* [Instructions to follow] Please retype, unchanged, each line from the top of the material below through the line where "#24=IFCINDEXEDPOLYGONALFACE((3,39,40,4));" appears.

* [Dataset content]
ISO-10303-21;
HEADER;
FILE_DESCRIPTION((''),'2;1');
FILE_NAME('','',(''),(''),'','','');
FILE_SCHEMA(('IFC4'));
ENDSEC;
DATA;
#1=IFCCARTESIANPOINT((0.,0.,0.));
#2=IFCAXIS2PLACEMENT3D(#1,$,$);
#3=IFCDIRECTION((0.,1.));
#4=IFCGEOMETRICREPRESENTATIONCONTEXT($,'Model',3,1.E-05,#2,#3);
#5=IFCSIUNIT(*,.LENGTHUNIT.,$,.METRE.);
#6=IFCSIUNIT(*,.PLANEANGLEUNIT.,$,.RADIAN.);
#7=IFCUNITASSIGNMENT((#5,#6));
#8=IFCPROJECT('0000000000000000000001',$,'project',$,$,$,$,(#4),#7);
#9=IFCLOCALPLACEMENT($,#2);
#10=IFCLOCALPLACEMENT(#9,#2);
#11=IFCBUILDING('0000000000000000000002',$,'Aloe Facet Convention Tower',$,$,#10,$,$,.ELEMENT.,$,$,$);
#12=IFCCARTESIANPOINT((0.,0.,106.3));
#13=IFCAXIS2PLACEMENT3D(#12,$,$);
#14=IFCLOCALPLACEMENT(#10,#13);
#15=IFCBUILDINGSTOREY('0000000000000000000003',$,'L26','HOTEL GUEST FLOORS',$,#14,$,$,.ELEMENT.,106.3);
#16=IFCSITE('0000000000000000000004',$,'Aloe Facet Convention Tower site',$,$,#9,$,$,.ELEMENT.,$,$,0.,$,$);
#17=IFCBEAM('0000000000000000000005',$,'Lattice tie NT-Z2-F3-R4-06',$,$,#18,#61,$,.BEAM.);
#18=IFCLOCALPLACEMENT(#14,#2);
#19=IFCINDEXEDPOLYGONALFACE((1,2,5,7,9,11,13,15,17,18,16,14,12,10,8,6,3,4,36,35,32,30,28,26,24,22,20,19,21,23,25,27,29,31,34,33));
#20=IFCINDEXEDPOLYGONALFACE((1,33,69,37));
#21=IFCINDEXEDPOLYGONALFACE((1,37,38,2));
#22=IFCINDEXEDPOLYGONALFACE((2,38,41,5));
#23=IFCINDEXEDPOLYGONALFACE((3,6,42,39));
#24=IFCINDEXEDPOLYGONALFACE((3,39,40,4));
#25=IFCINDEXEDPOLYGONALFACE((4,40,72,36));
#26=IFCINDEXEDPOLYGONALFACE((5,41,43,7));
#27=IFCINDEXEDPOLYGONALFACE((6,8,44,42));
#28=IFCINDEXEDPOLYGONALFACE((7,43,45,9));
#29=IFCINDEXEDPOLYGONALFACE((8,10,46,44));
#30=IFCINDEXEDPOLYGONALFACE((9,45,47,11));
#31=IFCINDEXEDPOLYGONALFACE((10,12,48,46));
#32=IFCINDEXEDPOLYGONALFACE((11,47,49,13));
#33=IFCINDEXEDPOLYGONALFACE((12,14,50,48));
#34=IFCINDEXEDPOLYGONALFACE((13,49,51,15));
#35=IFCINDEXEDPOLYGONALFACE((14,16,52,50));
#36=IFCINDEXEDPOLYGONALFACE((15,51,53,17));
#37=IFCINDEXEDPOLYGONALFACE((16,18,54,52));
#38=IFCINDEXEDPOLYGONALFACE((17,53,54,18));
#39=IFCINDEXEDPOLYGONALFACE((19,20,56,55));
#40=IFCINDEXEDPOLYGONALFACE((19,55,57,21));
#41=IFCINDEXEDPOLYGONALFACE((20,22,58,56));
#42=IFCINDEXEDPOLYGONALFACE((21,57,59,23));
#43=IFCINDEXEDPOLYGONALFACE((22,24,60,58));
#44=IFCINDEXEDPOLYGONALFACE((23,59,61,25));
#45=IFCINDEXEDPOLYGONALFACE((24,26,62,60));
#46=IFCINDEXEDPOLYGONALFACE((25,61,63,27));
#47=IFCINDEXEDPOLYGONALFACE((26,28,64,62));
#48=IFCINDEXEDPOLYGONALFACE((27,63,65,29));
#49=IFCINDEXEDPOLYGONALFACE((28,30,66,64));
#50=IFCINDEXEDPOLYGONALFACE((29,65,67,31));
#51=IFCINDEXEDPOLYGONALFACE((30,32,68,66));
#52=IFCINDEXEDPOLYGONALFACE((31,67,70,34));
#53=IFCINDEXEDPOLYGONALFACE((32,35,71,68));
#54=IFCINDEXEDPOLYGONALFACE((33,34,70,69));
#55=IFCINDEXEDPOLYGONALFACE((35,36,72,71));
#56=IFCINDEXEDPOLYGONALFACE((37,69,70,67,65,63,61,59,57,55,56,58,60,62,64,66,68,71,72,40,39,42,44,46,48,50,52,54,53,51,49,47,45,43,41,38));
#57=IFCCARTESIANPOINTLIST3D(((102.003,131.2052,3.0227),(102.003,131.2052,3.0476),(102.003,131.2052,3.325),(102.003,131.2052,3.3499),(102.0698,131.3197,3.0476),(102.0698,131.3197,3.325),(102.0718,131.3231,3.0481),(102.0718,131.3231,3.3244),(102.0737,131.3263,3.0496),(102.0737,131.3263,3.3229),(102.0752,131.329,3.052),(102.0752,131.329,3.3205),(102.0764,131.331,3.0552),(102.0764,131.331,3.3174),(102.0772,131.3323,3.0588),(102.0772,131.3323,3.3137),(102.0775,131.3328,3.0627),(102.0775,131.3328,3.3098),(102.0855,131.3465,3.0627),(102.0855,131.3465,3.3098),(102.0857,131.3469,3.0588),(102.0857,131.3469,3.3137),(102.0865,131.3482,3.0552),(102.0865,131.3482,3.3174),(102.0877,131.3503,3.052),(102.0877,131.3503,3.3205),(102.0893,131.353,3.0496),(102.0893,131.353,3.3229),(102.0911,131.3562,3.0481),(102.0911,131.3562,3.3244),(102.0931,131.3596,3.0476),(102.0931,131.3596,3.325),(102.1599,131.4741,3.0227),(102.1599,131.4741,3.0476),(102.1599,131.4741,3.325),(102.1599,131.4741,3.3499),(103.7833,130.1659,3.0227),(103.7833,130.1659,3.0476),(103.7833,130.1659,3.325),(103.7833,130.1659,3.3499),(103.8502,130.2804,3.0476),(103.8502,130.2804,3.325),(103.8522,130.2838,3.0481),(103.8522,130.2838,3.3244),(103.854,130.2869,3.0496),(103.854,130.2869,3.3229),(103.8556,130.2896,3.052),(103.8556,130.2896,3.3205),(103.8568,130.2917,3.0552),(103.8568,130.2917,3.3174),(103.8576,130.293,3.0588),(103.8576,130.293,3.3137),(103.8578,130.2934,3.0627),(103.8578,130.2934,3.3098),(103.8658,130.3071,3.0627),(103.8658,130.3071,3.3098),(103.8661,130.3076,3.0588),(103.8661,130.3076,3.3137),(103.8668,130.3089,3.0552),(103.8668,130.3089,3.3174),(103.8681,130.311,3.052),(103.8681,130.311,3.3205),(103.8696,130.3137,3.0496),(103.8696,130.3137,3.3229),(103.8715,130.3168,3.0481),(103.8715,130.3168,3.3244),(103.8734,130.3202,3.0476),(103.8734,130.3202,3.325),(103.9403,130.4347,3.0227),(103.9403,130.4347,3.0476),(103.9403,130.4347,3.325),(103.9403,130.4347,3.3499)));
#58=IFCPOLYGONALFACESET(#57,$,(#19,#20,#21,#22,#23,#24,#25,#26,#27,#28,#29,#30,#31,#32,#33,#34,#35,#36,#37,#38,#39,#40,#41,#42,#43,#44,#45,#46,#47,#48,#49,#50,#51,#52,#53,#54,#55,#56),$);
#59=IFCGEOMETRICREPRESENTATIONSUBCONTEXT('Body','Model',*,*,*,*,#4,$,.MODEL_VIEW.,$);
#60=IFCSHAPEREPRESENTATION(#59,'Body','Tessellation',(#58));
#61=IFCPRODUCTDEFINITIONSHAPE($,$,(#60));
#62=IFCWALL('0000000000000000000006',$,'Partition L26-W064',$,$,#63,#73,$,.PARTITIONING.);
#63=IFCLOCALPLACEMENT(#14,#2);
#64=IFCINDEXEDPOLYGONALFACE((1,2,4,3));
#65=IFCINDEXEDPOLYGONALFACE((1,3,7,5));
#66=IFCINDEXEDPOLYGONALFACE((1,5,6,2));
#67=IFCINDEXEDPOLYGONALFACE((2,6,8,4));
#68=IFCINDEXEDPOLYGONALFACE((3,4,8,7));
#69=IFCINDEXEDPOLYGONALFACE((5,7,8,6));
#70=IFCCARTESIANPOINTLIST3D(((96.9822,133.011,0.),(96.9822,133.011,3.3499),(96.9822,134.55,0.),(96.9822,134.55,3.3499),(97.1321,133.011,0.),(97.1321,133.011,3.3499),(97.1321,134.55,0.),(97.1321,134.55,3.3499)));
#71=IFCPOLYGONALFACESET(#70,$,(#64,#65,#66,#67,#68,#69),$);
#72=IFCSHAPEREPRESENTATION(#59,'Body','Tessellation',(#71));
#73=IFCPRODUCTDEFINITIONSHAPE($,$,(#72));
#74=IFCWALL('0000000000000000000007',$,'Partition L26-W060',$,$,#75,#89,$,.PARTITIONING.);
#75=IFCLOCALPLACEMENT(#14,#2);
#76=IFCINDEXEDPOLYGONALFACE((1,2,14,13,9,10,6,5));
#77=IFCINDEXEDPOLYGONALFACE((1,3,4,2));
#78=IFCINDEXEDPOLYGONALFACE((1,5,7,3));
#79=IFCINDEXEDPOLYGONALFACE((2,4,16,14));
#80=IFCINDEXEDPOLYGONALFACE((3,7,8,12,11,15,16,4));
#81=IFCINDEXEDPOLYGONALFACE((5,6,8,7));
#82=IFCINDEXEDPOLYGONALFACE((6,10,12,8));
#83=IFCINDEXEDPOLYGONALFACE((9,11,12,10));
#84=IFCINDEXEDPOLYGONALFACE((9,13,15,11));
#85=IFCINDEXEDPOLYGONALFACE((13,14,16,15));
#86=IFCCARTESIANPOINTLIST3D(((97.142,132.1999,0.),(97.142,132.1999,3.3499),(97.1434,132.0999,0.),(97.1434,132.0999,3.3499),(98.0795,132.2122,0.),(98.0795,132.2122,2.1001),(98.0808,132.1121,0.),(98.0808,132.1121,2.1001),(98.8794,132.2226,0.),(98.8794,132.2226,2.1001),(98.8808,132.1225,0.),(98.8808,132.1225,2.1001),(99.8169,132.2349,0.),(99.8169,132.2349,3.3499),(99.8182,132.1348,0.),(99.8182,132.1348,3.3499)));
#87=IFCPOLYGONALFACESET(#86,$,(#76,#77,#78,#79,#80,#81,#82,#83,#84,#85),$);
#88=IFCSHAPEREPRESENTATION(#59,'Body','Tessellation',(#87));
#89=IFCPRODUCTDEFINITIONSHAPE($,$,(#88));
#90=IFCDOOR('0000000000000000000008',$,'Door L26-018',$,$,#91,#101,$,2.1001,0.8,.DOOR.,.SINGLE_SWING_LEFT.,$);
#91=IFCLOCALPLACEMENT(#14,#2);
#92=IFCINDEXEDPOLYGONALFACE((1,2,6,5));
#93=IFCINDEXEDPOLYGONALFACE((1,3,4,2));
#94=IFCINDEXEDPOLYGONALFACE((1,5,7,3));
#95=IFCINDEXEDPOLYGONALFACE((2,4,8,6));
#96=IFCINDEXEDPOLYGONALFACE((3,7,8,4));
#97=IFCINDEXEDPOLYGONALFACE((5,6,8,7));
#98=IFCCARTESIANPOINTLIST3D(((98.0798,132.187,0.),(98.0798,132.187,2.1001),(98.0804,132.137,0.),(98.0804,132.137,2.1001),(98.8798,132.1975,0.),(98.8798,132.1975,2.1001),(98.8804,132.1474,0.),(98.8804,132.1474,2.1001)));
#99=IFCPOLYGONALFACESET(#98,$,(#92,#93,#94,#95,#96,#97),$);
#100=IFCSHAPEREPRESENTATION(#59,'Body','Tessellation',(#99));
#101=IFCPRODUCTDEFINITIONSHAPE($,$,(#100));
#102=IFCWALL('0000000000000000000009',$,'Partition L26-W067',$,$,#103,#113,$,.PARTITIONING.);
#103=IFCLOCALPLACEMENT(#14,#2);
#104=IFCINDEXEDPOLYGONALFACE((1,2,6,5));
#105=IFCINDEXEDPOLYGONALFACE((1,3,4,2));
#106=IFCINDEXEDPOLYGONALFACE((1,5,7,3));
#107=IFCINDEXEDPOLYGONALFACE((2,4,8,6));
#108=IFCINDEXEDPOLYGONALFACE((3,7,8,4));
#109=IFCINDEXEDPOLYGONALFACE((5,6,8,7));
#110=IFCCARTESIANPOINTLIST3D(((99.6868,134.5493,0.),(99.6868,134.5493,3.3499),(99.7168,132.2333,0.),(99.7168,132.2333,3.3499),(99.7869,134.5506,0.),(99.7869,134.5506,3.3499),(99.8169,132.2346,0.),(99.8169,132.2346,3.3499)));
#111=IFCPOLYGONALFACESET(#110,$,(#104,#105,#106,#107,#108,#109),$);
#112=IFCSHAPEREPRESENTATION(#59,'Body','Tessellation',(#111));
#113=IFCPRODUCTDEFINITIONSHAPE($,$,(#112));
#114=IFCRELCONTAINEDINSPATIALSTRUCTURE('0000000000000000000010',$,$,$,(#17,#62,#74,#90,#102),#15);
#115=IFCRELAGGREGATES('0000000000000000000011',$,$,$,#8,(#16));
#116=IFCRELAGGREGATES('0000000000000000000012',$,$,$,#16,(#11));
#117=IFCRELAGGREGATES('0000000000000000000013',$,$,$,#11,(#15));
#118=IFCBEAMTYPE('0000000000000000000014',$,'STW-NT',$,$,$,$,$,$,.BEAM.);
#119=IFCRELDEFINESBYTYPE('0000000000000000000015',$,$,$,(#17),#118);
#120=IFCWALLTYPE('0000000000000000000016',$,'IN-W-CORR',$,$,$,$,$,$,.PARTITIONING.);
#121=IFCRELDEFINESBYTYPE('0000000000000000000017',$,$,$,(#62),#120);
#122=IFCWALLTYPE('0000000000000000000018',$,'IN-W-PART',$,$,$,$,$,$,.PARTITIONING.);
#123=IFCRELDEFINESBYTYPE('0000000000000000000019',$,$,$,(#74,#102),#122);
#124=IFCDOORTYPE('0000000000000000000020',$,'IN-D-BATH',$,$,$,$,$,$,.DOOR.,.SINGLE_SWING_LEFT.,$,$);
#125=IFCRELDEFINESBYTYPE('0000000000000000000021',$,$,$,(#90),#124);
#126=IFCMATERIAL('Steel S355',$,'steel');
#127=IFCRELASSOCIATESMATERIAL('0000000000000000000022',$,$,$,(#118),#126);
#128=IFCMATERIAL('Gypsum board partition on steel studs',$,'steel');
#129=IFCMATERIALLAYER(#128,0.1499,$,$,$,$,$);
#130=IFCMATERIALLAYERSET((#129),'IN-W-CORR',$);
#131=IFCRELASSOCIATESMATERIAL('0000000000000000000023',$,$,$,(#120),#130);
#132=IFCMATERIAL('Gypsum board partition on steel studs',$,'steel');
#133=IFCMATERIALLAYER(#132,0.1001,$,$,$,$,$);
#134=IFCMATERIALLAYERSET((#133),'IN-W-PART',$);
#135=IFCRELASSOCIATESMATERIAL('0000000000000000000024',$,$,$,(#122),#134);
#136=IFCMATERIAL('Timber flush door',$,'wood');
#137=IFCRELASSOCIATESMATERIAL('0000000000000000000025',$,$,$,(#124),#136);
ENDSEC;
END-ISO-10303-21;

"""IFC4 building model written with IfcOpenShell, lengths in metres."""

from ifc_helpers import new_model, si_unit, direction, frame, frame_2d, origin, origin_2d, place, context, subcontext, project, spatial, rectangle, i_section, extrude, material, layer, layer_set, material_profile, profile_set, type_object, element, fill, save


model = new_model("IFC4")

# Units and contexts
model_context = context("Model", 3, precision=1e-05, world=origin(), true_north=direction((0.0, 1.0)))
body_context = subcontext(model_context, "Body", "Model", "MODEL_VIEW")
ifc_project = project(units=[si_unit("LENGTHUNIT", "METRE"), si_unit("PLANEANGLEUNIT", "RADIAN")], contexts=[model_context])

# Site, building, storey
site_placement = place(None, origin())
site = spatial("IfcSite", under=ifc_project, at=site_placement, Name="Aloe Facet Convention Tower site", CompositionType="ELEMENT", RefElevation=0.0)
building_placement = place(site_placement, origin())
building = spatial("IfcBuilding", under=site, at=building_placement, Name="Aloe Facet Convention Tower", CompositionType="ELEMENT")
storey_placement = place(building_placement, frame((0.0, 0.0, 106.3)))
storey = spatial("IfcBuildingStorey", under=building, at=storey_placement, Name="L26", Description="HOTEL GUEST FLOORS", CompositionType="ELEMENT", Elevation=106.3)

# Beam
ifc_material_1 = material(Name="Steel S355", Category="steel")
ifc_material_profile_1 = material_profile(ifc_material_1, i_section(OverallWidth=0.3113, OverallDepth=0.3271, WebThickness=0.0159, FlangeThickness=0.0249, FilletRadius=0.0151, at=origin_2d()), Name="UC 305x305x158")
ifc_profile_set_1 = profile_set([ifc_material_profile_1], Name="Steel S355")
beam_type_1 = type_object("IfcBeamType", Name="STW-NT", PredefinedType="BEAM", material=ifc_profile_set_1)
beam_1_placement = place(storey_placement, frame((103.8618, 130.3003, 3.1863), z_axis=(-0.863607, 0.504166, 0.0), x_axis=(-0.504166, -0.863607, 0.0)))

* [Response to this task]
ISO-10303-21;
HEADER;
FILE_DESCRIPTION((''),'2;1');
FILE_NAME('','',(''),(''),'','','');
FILE_SCHEMA(('IFC4'));
ENDSEC;
DATA;
#1=IFCCARTESIANPOINT((0.,0.,0.));
#2=IFCAXIS2PLACEMENT3D(#1,$,$);
#3=IFCDIRECTION((0.,1.));
#4=IFCGEOMETRICREPRESENTATIONCONTEXT($,'Model',3,1.E-05,#2,#3);
#5=IFCSIUNIT(*,.LENGTHUNIT.,$,.METRE.);
#6=IFCSIUNIT(*,.PLANEANGLEUNIT.,$,.RADIAN.);
#7=IFCUNITASSIGNMENT((#5,#6));
#8=IFCPROJECT('0000000000000000000001',$,'project',$,$,$,$,(#4),#7);
#9=IFCLOCALPLACEMENT($,#2);
#10=IFCLOCALPLACEMENT(#9,#2);
#11=IFCBUILDING('0000000000000000000002',$,'Aloe Facet Convention Tower',$,$,#10,$,$,.ELEMENT.,$,$,$);
#12=IFCCARTESIANPOINT((0.,0.,106.3));
#13=IFCAXIS2PLACEMENT3D(#12,$,$);
#14=IFCLOCALPLACEMENT(#10,#13);
#15=IFCBUILDINGSTOREY('0000000000000000000003',$,'L26','HOTEL GUEST FLOORS',$,#14,$,$,.ELEMENT.,106.3);
#16=IFCSITE('0000000000000000000004',$,'Aloe Facet Convention Tower site',$,$,#9,$,$,.ELEMENT.,$,$,0.,$,$);
#17=IFCBEAM('0000000000000000000005',$,'Lattice tie NT-Z2-F3-R4-06',$,$,#18,#61,$,.BEAM.);
#18=IFCLOCALPLACEMENT(#14,#2);
#19=IFCINDEXEDPOLYGONALFACE((1,2,5,7,9,11,13,15,17,18,16,14,12,10,8,6,3,4,36,35,32,30,28,26,24,22,20,19,21,23,25,27,29,31,34,33));
#20=IFCINDEXEDPOLYGONALFACE((1,33,69,37));
#21=IFCINDEXEDPOLYGONALFACE((1,37,38,2));
#22=IFCINDEXEDPOLYGONALFACE((2,38,41,5));
#23=IFCINDEXEDPOLYGONALFACE((3,6,42,39));
#24=IFCINDEXEDPOLYGONALFACE((3,39,40,4));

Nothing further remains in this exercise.